◆ **ASSIGNED TASK**: What lines of the data below hold the string "Body"? Copy each one out.

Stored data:

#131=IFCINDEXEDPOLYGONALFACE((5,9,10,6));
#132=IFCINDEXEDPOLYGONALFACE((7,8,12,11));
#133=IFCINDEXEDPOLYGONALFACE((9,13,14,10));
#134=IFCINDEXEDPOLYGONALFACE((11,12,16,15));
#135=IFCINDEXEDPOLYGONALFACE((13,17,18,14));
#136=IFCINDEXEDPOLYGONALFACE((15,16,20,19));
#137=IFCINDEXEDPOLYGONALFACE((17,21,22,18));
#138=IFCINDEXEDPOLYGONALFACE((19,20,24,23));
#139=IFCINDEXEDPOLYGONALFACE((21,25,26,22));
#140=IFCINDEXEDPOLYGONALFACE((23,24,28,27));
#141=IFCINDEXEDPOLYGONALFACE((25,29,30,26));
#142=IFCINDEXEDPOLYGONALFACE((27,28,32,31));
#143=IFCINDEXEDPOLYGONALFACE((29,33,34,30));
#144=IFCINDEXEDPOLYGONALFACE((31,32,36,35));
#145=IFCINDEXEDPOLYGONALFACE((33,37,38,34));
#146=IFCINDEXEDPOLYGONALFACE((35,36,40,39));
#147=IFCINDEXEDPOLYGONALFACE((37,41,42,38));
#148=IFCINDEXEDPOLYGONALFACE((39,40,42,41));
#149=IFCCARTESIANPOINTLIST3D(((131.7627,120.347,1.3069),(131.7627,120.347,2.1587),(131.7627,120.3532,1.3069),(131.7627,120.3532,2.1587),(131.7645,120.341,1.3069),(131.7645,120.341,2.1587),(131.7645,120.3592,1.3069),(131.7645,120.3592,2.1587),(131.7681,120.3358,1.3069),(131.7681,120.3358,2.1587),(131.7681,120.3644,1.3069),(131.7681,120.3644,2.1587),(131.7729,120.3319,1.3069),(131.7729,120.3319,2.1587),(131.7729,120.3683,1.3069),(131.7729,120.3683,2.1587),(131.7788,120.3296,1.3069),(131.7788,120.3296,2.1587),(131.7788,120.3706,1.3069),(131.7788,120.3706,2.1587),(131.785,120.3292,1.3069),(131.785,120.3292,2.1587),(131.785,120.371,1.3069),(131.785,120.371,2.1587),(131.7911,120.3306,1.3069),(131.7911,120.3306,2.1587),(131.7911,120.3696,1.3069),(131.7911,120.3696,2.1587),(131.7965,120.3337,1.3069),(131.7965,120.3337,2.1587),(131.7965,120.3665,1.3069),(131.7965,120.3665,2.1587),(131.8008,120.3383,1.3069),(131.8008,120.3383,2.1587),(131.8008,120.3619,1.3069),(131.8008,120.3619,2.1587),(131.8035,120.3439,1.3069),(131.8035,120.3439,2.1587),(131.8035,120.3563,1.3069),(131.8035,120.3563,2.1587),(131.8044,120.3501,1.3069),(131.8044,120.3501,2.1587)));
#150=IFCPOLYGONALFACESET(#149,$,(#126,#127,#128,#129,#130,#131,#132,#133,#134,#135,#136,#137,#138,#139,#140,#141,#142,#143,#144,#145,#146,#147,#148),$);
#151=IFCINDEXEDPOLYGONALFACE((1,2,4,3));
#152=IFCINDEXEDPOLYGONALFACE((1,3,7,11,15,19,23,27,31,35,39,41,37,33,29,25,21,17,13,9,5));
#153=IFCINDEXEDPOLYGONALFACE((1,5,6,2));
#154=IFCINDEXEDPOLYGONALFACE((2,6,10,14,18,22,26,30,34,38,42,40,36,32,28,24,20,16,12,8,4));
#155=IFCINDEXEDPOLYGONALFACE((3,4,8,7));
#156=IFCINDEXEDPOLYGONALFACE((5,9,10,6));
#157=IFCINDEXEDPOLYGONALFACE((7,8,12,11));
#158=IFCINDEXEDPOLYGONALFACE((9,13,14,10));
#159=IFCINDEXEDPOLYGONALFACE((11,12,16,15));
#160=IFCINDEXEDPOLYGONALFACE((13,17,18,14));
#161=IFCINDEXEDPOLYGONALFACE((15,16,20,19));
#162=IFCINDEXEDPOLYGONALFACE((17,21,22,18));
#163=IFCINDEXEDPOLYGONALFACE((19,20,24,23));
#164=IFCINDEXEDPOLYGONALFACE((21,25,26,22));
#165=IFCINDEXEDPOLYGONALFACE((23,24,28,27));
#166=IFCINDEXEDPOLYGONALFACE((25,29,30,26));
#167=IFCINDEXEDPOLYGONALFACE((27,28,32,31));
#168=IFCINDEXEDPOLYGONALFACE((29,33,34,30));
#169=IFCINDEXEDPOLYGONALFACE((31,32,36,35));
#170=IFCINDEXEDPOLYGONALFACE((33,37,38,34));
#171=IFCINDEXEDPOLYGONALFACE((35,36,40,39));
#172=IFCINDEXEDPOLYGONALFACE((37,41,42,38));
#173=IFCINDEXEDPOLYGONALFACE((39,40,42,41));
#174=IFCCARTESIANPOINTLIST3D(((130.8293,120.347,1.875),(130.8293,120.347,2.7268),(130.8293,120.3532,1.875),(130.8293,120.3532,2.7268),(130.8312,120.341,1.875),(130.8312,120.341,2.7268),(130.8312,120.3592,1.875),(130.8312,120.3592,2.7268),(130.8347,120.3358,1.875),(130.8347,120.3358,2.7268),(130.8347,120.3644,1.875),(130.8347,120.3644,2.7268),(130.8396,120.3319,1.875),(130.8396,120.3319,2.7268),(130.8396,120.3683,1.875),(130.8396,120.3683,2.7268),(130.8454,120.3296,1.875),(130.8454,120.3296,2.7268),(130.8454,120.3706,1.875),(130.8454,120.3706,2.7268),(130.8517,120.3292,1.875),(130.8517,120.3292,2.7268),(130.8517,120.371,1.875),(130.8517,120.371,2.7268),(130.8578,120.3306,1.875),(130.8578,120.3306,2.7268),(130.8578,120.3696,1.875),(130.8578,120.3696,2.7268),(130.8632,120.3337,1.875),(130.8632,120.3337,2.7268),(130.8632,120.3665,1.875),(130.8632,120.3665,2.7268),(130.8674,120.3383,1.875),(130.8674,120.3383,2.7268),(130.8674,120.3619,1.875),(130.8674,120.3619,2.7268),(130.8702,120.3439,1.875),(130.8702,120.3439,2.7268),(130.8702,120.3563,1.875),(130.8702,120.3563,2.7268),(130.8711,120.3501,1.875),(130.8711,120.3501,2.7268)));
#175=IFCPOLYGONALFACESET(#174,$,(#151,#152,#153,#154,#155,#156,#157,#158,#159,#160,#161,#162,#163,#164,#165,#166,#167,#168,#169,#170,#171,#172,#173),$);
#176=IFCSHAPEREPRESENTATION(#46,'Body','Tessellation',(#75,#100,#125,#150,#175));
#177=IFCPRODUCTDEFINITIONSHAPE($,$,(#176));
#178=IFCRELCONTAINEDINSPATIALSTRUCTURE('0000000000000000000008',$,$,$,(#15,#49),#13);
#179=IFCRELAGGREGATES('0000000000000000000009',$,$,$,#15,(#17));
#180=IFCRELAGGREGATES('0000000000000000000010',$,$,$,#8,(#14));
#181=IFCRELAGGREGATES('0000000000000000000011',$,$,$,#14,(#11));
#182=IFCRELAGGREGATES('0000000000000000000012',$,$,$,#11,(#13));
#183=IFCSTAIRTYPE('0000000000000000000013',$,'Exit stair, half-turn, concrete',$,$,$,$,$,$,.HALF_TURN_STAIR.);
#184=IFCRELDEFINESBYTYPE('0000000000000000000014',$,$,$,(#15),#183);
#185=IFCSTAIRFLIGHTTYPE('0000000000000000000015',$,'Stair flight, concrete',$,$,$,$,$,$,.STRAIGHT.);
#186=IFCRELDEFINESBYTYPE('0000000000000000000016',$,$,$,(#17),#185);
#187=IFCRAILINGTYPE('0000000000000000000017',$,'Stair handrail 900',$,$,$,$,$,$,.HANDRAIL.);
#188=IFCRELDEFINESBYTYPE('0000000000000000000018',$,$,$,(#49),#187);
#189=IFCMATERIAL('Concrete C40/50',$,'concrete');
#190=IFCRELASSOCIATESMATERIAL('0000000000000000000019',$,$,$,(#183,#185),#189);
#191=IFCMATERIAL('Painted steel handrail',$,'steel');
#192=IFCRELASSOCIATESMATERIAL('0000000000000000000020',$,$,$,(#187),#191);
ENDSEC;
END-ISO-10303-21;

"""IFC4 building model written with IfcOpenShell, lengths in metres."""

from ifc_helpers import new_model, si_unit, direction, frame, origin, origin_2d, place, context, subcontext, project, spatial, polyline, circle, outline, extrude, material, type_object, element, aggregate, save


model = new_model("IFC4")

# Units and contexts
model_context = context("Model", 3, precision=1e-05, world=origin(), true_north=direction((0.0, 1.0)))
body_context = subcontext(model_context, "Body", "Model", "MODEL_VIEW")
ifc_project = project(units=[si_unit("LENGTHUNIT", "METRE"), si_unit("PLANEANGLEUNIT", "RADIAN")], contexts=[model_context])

◆ **RESPONSE AREA**:
#176=IFCSHAPEREPRESENTATION(#46,'Body','Tessellation',(#75,#100,#125,#150,#175));
body_context = subcontext(model_context, "Body", "Model", "MODEL_VIEW")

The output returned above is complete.